• _EXERCISE GOAL_: The line containing "#23=IFCINDEXEDPOLYGONALFACE((3,4,8,7));" marks the end: write out exactly every line from the first line of the data below through that line, and only those.

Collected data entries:
---

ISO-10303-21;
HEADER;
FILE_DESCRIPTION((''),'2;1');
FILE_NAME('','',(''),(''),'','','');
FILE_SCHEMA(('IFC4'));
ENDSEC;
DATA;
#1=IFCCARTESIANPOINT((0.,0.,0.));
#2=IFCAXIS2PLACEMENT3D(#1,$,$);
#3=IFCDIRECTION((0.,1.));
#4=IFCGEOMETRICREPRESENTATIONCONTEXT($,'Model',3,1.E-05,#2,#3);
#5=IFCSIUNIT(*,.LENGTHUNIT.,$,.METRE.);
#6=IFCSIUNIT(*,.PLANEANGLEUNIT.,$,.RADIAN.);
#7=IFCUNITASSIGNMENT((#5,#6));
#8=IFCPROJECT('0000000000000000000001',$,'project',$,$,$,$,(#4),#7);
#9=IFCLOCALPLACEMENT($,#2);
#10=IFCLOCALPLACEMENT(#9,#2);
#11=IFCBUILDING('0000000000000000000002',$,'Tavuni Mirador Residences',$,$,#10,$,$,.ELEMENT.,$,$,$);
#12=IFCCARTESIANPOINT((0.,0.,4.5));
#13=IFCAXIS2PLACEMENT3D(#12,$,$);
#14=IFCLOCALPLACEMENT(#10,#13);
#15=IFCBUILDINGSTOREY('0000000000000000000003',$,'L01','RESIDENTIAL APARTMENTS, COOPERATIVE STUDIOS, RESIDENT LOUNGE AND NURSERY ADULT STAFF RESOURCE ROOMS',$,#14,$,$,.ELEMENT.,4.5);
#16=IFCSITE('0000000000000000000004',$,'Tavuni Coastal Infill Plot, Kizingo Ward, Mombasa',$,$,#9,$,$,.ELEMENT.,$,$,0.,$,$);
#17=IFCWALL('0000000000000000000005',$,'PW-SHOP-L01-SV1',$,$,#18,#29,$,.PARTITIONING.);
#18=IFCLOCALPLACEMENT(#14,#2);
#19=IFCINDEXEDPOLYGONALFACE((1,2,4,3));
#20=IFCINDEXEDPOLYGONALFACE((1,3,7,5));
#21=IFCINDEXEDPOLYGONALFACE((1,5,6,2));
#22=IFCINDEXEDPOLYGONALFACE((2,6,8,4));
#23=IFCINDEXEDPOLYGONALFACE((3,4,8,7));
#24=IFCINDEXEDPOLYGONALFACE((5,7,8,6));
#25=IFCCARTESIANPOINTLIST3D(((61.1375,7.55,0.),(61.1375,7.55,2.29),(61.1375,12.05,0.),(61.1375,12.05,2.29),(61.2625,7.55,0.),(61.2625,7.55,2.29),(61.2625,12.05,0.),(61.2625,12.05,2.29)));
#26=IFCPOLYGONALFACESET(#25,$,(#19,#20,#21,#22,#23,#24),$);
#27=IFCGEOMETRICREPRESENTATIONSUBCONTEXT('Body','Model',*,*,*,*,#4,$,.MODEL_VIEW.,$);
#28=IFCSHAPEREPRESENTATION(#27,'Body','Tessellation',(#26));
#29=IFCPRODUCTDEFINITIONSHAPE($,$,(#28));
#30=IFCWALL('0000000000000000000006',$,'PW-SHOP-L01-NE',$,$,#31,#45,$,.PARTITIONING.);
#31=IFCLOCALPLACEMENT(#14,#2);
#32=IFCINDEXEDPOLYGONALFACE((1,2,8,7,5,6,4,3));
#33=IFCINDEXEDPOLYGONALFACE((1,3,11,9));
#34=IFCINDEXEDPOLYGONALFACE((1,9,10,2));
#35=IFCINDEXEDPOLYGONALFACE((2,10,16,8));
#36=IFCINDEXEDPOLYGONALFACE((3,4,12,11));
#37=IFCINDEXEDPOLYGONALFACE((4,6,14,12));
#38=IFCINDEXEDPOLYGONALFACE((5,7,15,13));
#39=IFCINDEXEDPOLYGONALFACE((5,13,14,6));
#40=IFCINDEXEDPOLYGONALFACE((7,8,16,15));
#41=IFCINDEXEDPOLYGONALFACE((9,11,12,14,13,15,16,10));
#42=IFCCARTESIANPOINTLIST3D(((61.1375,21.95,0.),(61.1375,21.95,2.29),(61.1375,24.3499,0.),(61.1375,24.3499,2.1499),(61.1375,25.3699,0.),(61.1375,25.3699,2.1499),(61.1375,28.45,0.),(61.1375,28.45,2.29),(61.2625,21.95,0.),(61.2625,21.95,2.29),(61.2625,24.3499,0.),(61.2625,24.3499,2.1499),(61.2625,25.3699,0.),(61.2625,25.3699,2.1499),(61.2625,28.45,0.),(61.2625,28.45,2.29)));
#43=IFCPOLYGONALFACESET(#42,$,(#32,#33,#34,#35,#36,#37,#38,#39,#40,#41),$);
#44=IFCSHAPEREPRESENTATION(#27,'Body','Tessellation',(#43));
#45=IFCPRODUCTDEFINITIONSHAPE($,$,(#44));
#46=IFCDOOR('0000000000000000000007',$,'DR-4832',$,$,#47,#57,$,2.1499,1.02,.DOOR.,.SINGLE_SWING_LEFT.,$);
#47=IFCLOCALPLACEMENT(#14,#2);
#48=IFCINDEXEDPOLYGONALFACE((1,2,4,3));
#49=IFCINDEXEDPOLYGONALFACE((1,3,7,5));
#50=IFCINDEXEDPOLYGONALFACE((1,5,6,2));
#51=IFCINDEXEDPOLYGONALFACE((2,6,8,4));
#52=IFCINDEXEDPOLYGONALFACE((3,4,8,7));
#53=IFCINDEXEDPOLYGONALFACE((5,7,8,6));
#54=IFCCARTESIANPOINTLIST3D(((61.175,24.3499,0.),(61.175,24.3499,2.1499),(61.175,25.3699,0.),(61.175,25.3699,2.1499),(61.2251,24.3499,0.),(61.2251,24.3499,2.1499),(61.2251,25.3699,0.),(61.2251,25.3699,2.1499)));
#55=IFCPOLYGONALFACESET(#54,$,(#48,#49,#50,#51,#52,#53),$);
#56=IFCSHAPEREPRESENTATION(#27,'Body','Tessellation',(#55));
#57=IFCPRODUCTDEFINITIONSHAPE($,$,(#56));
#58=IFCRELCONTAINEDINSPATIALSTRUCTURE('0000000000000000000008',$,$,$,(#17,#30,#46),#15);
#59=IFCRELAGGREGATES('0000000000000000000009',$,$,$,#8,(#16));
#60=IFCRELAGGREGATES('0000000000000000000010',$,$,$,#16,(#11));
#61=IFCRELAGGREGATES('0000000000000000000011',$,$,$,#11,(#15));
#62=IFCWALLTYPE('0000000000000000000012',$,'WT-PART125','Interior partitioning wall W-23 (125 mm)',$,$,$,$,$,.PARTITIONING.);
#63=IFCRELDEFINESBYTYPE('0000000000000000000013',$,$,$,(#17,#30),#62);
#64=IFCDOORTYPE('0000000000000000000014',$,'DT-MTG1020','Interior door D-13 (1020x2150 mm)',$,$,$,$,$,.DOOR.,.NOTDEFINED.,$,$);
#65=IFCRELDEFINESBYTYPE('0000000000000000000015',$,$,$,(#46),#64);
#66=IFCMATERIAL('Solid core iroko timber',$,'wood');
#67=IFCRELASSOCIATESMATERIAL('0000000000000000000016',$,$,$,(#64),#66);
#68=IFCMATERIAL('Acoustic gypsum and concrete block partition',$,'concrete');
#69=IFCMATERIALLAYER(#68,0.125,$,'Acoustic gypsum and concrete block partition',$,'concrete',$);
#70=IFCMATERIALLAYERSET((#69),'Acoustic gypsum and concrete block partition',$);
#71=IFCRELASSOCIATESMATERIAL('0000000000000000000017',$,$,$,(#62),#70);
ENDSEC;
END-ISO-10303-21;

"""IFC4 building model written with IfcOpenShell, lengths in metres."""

from ifc_helpers import new_model, si_unit, direction, frame, frame_2d, origin, place, context, subcontext, project, spatial, rectangle, extrude, material, layer, layer_set, type_object, element, fill, save


model = new_model("IFC4")

# Units and contexts
model_context = context("Model", 3, precision=1e-05, world=origin(), true_north=direction((0.0, 1.0)))
body_context = subcontext(model_context, "Body", "Model", "MODEL_VIEW")
ifc_project = project(units=[si_unit("LENGTHUNIT", "METRE"), si_unit("PLANEANGLEUNIT", "RADIAN")], contexts=[model_context])

# Site, building, storey
site_placement = place(None, origin())
site = spatial("IfcSite", under=ifc_project, at=site_placement, Name="Tavuni Coastal Infill Plot, Kizingo Ward, Mombasa", CompositionType="ELEMENT", RefElevation=0.0)
building_placement = place(site_placement, origin())
building = spatial("IfcBuilding", under=site, at=building_placement, Name="Tavuni Mirador Residences", CompositionType="ELEMENT")
storey_placement = place(building_placement, frame((0.0, 0.0, 4.5)))
storey = spatial("IfcBuildingStorey", under=building, at=storey_placement, Name="L01", Description="RESIDENTIAL APARTMENTS, COOPERATIVE STUDIOS, RESIDENT LOUNGE AND NURSERY ADULT STAFF RESOURCE ROOMS", CompositionType="ELEMENT", Elevation=4.5)

# Shared definitions
ifc_material_1 = material(Name="Solid core iroko timber", Category="wood")
door_type_1 = type_object("IfcDoorType", Name="DT-MTG1020", Description="Interior door D-13 (1020x2150 mm)", OperationType="NOTDEFINED", PredefinedType="DOOR", material=ifc_material_1)

# Wall
ifc_material_2 = material(Name="Acoustic gypsum and concrete block partition", Category="concrete")
ifc_layer_1 = layer(ifc_material_2, 0.125, Name="Acoustic gypsum and concrete block partition", Category="concrete")
ifc_layer_set_1 = layer_set([ifc_layer_1], Name="Acoustic gypsum and concrete block partition")
wall_type_1 = type_object("IfcWallType", Name="WT-PART125", Description="Interior partitioning wall W-23 (125 mm)", PredefinedType="PARTITIONING", material=ifc_layer_set_1)
wall_1_placement = place(storey_placement, frame((61.2, 7.55, 0.0), z_axis=(0.0, 0.0, 1.0), x_axis=(0.0, 1.0, 0.0)))
element("IfcWall", 1, at=wall_1_placement, inside=storey, type_object=wall_type_1, Name="PW-SHOP-L01-SV1", PredefinedType="PARTITIONING", context=body_context, shape_type="SweptSolid", body=[
    extrude(rectangle(XDim=4.5, YDim=0.125, at=frame_2d((2.25, 0.0))), origin(), (0.0, 0.0, 1.0), 2.29),
])

# Wall, opening, door
wall_2_placement = place(storey_placement, frame((61.2, 21.95, 0.0), z_axis=(0.0, 0.0, 1.0), x_axis=(0.0, 1.0, 0.0)))
wall_2 = element("IfcWall", 2, at=wall_2_placement, inside=storey, type_object=wall_type_1, Name="PW-SHOP-L01-NE", PredefinedType="PARTITIONING", context=body_context, shape_type="SweptSolid", body=[
    extrude(rectangle(XDim=6.5, YDim=0.125, at=frame_2d((3.25, 0.0))), origin(), (0.0, 0.0, 1.0), 2.29),
])
opening_1_placement = place(wall_2_placement, frame((2.3999, 0.0, 0.0)))
opening_1 = element("IfcOpeningElement", 3, at=opening_1_placement, cuts=wall_2, PredefinedType="OPENING", context=body_context, shape_type="SweptSolid", body=[
    extrude(rectangle(XDim=1.02, YDim=2.1499, at=frame_2d((0.51, 1.075))), frame((0.0, 0.0725, 0.0), z_axis=(0.0, -1.0, 0.0), x_axis=(1.0, 0.0, 0.0)), (0.0, 0.0, 1.0), 0.145),
])
door_1_placement = place(opening_1_placement, origin())
door_1 = element("IfcDoor", 4, at=door_1_placement, inside=storey, type_object=door_type_1, Name="DR-4832", OperationType="SINGLE_SWING_LEFT", OverallHeight=2.1499, OverallWidth=1.02, PredefinedType="DOOR", context=body_context, shape_type="SweptSolid", body=[
    extrude(rectangle(XDim=1.02, YDim=2.1499, at=frame_2d((0.51, 1.075))), frame((0.0, 0.0249, 0.0), z_axis=(0.0, -1.0, 0.0), x_axis=(1.0, 0.0, 0.0)), (0.0, 0.0, 1.0), 0.05),
])
fill(opening_1, door_1)

save(model, "model.ifc")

---

• _ANSWER BOX_:
ISO-10303-21;
HEADER;
FILE_DESCRIPTION((''),'2;1');
FILE_NAME('','',(''),(''),'','','');
FILE_SCHEMA(('IFC4'));
ENDSEC;
DATA;
#1=IFCCARTESIANPOINT((0.,0.,0.));
#2=IFCAXIS2PLACEMENT3D(#1,$,$);
#3=IFCDIRECTION((0.,1.));
#4=IFCGEOMETRICREPRESENTATIONCONTEXT($,'Model',3,1.E-05,#2,#3);
#5=IFCSIUNIT(*,.LENGTHUNIT.,$,.METRE.);
#6=IFCSIUNIT(*,.PLANEANGLEUNIT.,$,.RADIAN.);
#7=IFCUNITASSIGNMENT((#5,#6));
#8=IFCPROJECT('0000000000000000000001',$,'project',$,$,$,$,(#4),#7);
#9=IFCLOCALPLACEMENT($,#2);
#10=IFCLOCALPLACEMENT(#9,#2);
#11=IFCBUILDING('0000000000000000000002',$,'Tavuni Mirador Residences',$,$,#10,$,$,.ELEMENT.,$,$,$);
#12=IFCCARTESIANPOINT((0.,0.,4.5));
#13=IFCAXIS2PLACEMENT3D(#12,$,$);
#14=IFCLOCALPLACEMENT(#10,#13);
#15=IFCBUILDINGSTOREY('0000000000000000000003',$,'L01','RESIDENTIAL APARTMENTS, COOPERATIVE STUDIOS, RESIDENT LOUNGE AND NURSERY ADULT STAFF RESOURCE ROOMS',$,#14,$,$,.ELEMENT.,4.5);
#16=IFCSITE('0000000000000000000004',$,'Tavuni Coastal Infill Plot, Kizingo Ward, Mombasa',$,$,#9,$,$,.ELEMENT.,$,$,0.,$,$);
#17=IFCWALL('0000000000000000000005',$,'PW-SHOP-L01-SV1',$,$,#18,#29,$,.PARTITIONING.);
#18=IFCLOCALPLACEMENT(#14,#2);
#19=IFCINDEXEDPOLYGONALFACE((1,2,4,3));
#20=IFCINDEXEDPOLYGONALFACE((1,3,7,5));
#21=IFCINDEXEDPOLYGONALFACE((1,5,6,2));
#22=IFCINDEXEDPOLYGONALFACE((2,6,8,4));
#23=IFCINDEXEDPOLYGONALFACE((3,4,8,7));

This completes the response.